Action item -> Search the records below for the word "OverallDepth". Copy each line where it occurs.
(Beginning of Recorded information)
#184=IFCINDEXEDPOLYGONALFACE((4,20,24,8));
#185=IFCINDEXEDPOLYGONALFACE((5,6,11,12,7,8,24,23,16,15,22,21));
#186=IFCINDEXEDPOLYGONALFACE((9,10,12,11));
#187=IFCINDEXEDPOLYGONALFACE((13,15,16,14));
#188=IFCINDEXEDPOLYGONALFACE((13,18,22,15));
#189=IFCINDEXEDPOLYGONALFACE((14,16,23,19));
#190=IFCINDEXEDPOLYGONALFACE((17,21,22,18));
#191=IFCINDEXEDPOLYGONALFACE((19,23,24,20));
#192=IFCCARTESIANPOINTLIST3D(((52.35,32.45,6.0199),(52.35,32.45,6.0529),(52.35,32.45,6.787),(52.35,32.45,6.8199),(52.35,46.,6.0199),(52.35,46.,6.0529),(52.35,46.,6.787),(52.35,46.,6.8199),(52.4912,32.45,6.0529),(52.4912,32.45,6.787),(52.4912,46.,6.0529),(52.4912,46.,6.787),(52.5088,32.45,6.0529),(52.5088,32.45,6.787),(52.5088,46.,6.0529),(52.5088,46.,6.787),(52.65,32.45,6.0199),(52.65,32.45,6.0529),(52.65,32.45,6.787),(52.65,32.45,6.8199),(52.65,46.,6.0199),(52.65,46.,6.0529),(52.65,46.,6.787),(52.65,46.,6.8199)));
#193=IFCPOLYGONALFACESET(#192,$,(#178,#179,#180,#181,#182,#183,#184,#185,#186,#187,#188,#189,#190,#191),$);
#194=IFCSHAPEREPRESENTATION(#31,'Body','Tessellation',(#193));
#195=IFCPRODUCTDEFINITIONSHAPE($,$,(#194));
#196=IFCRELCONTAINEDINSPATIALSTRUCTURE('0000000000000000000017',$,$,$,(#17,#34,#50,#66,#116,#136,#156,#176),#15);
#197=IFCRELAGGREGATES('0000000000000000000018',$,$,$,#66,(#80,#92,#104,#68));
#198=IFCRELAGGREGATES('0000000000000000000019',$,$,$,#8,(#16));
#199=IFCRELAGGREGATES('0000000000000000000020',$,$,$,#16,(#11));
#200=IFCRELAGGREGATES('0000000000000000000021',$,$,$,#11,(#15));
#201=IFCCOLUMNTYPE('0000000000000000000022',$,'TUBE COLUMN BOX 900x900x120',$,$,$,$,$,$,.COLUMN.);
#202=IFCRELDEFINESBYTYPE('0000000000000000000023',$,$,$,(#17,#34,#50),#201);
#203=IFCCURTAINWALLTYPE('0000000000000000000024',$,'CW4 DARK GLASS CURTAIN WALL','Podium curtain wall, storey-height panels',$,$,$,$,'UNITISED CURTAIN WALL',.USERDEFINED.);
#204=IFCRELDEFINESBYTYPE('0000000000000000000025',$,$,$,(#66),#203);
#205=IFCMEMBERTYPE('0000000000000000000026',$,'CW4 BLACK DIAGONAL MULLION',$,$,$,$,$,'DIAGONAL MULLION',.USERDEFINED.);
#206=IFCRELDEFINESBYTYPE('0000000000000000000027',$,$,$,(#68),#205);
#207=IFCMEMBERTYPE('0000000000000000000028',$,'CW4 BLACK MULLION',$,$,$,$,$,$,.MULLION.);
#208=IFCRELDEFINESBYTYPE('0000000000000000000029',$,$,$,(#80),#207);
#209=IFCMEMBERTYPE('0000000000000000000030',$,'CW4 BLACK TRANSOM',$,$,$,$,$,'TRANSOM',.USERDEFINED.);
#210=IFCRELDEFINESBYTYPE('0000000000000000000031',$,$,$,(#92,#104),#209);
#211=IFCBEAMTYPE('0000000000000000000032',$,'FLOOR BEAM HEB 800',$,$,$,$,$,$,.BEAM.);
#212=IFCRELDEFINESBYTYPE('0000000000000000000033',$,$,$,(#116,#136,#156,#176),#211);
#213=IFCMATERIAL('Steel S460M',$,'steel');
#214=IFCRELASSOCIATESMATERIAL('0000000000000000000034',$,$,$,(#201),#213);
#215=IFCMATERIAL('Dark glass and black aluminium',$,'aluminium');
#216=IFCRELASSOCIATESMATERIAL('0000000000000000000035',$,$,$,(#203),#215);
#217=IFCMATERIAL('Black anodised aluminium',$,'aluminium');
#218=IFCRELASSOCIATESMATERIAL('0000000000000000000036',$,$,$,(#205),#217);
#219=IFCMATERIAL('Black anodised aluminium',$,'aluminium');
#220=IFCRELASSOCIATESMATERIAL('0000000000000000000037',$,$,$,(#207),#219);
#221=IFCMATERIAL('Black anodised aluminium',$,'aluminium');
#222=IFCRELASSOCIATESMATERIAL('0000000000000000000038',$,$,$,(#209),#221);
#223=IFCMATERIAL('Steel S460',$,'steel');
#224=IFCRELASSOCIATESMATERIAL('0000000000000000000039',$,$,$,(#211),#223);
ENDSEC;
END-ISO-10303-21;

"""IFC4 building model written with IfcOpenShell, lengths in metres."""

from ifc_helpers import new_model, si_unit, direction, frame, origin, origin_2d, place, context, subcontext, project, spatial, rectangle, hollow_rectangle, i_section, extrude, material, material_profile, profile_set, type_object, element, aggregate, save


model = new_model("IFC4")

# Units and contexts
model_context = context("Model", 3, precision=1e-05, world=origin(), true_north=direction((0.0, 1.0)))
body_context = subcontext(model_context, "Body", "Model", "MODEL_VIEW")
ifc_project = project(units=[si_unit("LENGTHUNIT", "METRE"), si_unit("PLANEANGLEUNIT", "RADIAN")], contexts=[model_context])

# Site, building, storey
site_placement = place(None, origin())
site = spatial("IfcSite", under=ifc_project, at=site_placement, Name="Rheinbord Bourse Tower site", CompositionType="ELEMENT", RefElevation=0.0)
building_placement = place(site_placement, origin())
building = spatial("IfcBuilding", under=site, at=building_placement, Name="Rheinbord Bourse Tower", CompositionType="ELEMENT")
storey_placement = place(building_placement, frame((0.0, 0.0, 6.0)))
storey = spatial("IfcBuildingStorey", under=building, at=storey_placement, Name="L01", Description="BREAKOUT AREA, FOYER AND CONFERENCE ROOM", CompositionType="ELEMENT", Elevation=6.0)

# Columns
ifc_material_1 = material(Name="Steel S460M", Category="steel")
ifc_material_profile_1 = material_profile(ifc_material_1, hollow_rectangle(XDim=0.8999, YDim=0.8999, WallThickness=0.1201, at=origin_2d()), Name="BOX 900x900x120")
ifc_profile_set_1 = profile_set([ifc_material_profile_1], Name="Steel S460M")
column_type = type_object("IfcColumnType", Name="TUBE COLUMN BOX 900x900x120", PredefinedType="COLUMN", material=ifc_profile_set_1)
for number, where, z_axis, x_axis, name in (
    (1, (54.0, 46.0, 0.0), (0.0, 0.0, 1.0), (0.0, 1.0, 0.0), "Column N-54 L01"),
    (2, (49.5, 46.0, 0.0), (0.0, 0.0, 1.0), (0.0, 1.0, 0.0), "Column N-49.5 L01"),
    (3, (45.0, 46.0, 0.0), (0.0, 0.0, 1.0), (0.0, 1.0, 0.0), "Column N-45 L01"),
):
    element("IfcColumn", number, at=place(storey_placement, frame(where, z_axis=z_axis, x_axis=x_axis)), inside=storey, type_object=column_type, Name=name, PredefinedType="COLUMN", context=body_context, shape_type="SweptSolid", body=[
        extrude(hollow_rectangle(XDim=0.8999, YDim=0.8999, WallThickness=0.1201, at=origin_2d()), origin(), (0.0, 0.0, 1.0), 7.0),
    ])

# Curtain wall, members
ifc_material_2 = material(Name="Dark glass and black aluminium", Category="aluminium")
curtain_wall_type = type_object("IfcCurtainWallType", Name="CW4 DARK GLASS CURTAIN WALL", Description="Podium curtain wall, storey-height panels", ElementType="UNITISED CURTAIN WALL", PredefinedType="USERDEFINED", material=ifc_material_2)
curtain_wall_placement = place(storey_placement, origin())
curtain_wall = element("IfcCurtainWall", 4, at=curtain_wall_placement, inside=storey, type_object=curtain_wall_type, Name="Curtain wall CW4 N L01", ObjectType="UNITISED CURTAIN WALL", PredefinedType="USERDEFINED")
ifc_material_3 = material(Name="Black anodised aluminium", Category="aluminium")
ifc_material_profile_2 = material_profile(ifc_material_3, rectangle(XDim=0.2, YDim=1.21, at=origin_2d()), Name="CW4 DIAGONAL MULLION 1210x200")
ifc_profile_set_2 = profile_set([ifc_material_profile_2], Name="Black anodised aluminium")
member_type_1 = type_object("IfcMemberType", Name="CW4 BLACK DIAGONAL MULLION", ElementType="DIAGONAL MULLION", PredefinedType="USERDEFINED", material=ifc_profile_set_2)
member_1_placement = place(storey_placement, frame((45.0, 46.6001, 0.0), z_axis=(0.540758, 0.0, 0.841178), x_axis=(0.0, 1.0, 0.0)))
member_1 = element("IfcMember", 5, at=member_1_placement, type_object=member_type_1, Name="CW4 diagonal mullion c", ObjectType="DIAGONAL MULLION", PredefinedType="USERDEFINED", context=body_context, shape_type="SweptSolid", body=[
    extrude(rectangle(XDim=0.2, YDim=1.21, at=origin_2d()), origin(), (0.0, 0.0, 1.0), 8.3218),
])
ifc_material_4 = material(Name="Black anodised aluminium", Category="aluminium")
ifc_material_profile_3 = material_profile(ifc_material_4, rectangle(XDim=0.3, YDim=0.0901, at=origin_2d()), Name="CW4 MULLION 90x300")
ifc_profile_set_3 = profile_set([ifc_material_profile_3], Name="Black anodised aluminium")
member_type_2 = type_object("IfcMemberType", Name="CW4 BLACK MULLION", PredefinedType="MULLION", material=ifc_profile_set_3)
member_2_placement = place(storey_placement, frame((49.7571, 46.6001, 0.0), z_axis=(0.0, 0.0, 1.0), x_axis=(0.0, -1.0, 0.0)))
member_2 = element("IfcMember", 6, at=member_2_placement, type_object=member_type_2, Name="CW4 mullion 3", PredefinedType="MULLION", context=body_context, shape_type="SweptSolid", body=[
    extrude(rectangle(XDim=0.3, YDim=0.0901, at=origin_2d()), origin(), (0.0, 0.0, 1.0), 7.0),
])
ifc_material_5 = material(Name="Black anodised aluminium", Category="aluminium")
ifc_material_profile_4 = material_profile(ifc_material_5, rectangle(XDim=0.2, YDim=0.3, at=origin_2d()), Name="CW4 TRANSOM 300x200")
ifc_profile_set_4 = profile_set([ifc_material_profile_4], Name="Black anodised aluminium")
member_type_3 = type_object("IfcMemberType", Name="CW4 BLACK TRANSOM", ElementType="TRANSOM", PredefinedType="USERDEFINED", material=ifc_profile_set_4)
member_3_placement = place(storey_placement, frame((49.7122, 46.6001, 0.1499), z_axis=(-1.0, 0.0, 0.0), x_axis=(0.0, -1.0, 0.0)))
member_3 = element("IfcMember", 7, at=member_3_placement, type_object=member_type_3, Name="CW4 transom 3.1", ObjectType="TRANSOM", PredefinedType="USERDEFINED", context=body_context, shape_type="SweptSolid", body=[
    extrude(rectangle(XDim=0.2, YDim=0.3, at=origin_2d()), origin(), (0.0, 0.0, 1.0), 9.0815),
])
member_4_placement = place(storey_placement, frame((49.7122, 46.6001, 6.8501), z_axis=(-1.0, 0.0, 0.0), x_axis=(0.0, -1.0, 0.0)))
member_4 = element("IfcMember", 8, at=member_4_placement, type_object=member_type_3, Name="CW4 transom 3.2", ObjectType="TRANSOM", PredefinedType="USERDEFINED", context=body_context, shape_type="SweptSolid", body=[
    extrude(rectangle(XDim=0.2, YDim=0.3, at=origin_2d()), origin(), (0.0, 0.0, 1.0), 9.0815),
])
(End of Recorded information)
(Beginning of Recorded information)
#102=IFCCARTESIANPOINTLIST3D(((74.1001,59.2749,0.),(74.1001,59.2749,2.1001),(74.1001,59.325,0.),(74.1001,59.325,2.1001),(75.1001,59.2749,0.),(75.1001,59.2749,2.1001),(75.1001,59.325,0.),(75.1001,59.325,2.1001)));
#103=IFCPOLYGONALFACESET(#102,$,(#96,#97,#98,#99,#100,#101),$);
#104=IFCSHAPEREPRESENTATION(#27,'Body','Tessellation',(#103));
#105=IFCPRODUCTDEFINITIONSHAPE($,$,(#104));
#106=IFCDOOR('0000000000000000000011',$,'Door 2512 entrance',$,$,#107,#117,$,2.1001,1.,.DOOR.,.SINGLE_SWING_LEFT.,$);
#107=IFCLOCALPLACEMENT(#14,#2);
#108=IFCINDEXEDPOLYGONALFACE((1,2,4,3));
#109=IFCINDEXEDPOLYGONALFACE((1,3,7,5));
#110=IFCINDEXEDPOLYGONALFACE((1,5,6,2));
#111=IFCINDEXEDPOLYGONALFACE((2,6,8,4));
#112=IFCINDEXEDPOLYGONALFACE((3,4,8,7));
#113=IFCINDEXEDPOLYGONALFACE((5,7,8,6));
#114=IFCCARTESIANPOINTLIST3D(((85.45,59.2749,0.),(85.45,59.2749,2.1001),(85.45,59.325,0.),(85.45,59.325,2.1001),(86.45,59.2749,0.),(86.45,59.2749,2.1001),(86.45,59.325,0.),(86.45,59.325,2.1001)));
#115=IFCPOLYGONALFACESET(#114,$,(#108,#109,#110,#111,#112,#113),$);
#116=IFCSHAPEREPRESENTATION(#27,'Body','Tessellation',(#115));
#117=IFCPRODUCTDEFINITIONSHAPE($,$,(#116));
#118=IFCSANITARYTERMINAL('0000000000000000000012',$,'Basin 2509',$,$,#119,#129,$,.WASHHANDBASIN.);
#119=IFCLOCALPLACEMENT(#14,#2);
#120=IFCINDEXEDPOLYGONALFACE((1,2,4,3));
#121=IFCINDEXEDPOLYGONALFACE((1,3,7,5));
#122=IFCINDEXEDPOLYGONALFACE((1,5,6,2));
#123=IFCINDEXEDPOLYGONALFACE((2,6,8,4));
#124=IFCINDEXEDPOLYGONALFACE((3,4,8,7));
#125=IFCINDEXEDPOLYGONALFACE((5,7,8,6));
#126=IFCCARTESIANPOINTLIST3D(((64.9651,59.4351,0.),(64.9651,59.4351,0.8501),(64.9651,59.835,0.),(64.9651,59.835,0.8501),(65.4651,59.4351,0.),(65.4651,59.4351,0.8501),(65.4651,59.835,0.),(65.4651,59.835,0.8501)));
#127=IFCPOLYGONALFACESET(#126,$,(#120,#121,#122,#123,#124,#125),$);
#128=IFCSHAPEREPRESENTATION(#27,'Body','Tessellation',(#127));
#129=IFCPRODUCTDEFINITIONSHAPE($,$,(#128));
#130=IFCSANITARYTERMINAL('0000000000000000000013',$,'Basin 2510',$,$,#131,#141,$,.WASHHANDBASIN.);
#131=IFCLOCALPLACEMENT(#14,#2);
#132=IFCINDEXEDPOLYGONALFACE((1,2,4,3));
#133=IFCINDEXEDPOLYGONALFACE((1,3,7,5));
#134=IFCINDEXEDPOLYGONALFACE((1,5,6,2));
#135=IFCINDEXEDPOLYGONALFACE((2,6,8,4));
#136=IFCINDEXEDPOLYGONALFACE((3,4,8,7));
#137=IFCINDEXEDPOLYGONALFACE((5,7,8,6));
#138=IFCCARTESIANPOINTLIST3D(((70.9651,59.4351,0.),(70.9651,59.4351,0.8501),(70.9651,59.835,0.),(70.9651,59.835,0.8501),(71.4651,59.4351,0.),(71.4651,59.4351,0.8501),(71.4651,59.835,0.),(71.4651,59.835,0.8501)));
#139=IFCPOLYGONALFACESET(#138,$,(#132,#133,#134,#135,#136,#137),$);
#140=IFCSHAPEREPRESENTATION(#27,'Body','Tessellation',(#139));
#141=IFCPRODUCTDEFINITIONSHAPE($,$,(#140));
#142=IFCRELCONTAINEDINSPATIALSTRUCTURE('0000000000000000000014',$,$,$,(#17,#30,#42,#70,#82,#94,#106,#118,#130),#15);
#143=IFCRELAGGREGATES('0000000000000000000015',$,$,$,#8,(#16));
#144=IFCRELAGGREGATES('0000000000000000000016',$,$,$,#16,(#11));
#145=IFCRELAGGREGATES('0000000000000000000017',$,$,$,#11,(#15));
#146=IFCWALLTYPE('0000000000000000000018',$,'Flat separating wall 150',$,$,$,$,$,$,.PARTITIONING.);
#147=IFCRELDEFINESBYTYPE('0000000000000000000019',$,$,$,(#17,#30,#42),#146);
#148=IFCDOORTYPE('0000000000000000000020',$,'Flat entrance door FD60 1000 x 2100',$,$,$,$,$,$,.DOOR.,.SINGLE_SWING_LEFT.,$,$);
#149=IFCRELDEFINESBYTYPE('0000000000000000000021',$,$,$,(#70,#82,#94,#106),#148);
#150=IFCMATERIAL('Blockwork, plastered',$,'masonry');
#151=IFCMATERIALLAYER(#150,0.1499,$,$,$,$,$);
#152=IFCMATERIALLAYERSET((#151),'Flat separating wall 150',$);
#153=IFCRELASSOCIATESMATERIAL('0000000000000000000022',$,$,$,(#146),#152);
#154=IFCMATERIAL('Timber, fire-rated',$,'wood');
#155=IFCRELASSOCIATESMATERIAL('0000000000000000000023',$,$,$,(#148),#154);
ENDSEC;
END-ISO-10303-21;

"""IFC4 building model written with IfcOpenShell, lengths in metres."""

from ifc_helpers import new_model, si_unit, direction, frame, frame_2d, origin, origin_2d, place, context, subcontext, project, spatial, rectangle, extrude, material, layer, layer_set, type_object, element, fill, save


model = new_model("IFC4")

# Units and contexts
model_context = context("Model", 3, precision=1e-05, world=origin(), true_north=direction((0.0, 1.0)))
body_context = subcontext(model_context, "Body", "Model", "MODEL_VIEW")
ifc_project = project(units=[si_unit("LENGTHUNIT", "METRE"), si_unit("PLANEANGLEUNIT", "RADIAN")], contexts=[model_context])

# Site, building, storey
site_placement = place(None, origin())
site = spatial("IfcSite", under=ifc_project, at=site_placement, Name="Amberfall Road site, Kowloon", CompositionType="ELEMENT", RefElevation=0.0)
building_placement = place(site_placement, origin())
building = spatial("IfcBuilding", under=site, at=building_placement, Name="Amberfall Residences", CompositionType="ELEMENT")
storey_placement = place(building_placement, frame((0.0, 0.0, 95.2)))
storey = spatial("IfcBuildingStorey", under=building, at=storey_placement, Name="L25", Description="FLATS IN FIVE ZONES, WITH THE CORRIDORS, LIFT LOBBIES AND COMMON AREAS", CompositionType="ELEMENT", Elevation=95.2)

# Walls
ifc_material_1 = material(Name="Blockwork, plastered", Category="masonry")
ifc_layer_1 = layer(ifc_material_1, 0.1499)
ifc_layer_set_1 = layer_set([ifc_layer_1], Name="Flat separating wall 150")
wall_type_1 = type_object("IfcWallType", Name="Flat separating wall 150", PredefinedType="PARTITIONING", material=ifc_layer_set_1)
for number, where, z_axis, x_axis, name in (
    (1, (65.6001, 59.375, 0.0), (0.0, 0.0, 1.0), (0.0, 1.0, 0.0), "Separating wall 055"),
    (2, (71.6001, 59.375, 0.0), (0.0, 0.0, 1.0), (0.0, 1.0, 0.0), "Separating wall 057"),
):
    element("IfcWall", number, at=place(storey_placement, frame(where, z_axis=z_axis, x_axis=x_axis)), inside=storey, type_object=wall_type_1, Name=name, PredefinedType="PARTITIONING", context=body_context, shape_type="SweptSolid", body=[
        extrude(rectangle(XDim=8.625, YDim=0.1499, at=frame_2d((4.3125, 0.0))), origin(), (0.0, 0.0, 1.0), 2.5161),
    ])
(End of Recorded information)
(Beginning of Recorded information)
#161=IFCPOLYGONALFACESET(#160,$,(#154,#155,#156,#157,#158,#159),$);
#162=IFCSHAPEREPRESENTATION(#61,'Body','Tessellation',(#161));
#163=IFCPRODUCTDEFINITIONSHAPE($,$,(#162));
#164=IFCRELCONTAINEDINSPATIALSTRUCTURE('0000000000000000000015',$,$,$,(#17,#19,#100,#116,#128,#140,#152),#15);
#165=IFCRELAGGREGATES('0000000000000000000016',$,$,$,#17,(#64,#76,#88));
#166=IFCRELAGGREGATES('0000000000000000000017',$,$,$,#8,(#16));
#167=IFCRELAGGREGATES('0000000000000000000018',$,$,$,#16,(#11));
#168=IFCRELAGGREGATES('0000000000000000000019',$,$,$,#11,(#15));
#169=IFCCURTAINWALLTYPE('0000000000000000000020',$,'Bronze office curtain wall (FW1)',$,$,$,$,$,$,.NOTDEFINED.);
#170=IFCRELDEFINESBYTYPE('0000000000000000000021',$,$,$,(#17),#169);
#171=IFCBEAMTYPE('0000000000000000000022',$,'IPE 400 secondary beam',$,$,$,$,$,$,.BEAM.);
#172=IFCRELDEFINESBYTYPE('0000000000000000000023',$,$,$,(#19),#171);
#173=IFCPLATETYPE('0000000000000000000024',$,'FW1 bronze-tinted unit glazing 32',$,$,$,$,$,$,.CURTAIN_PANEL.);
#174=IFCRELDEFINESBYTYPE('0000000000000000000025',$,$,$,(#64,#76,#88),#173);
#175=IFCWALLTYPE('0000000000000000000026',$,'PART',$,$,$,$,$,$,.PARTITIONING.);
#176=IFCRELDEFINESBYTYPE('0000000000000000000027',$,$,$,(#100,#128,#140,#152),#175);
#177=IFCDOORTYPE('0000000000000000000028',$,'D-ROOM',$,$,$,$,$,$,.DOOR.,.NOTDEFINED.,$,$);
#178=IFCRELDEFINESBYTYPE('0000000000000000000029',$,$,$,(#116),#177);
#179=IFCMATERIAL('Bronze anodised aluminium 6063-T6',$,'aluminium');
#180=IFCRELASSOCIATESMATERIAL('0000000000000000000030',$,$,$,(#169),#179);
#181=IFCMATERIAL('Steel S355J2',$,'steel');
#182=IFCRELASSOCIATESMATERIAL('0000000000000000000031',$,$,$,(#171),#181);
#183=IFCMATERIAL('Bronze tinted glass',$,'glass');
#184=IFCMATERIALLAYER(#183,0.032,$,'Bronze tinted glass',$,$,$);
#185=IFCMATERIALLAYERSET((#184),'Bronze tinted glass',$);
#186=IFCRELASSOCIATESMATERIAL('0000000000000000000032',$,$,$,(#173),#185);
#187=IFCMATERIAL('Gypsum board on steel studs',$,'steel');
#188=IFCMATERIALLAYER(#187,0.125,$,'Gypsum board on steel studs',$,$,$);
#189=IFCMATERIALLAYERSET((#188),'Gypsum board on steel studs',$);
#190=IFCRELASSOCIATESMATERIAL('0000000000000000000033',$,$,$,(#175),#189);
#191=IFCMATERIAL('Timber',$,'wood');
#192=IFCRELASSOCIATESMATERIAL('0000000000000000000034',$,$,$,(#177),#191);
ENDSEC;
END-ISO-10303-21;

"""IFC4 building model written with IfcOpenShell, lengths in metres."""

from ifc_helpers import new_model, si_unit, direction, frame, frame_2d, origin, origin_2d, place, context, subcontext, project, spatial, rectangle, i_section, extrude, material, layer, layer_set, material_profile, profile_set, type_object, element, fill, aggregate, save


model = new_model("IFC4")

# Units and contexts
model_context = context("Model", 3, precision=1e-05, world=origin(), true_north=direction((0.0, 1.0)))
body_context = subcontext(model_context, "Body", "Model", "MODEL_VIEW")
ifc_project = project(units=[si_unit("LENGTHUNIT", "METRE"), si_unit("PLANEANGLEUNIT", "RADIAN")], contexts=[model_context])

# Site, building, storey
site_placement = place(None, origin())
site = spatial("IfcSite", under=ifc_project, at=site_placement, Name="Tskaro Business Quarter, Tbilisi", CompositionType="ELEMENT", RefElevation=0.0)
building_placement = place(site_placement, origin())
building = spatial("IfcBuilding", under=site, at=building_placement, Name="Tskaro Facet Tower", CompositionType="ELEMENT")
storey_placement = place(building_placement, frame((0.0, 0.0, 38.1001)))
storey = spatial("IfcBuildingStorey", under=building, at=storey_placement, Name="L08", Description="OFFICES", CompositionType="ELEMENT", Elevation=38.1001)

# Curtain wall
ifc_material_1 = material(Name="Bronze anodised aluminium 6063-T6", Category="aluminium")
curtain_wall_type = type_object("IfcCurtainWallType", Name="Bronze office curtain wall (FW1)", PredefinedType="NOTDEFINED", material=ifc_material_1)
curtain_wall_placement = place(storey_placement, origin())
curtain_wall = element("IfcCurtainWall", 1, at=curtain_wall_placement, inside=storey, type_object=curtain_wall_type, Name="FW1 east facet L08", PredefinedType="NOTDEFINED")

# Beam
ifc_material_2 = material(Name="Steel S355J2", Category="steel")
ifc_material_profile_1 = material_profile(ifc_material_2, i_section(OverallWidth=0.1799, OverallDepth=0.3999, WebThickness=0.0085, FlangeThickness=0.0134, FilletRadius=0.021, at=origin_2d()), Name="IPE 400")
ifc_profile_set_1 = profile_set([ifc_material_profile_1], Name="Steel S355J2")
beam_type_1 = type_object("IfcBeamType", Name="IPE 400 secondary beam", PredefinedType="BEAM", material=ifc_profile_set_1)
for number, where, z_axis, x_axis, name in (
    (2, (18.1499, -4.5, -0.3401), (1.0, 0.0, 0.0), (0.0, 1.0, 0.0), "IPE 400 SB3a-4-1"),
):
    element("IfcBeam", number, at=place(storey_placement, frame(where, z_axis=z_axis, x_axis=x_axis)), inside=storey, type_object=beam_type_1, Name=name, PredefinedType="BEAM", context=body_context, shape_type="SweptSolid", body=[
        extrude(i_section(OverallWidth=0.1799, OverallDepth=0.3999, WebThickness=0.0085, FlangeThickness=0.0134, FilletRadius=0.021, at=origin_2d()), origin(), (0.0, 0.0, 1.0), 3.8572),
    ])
(End of Recorded information)
Task solution ->
ifc_material_profile_1 = material_profile(ifc_material_2, i_section(OverallWidth=0.1799, OverallDepth=0.3999, WebThickness=0.0085, FlangeThickness=0.0134, FilletRadius=0.021, at=origin_2d()), Name="IPE 400")
        extrude(i_section(OverallWidth=0.1799, OverallDepth=0.3999, WebThickness=0.0085, FlangeThickness=0.0134, FilletRadius=0.021, at=origin_2d()), origin(), (0.0, 0.0, 1.0), 3.8572),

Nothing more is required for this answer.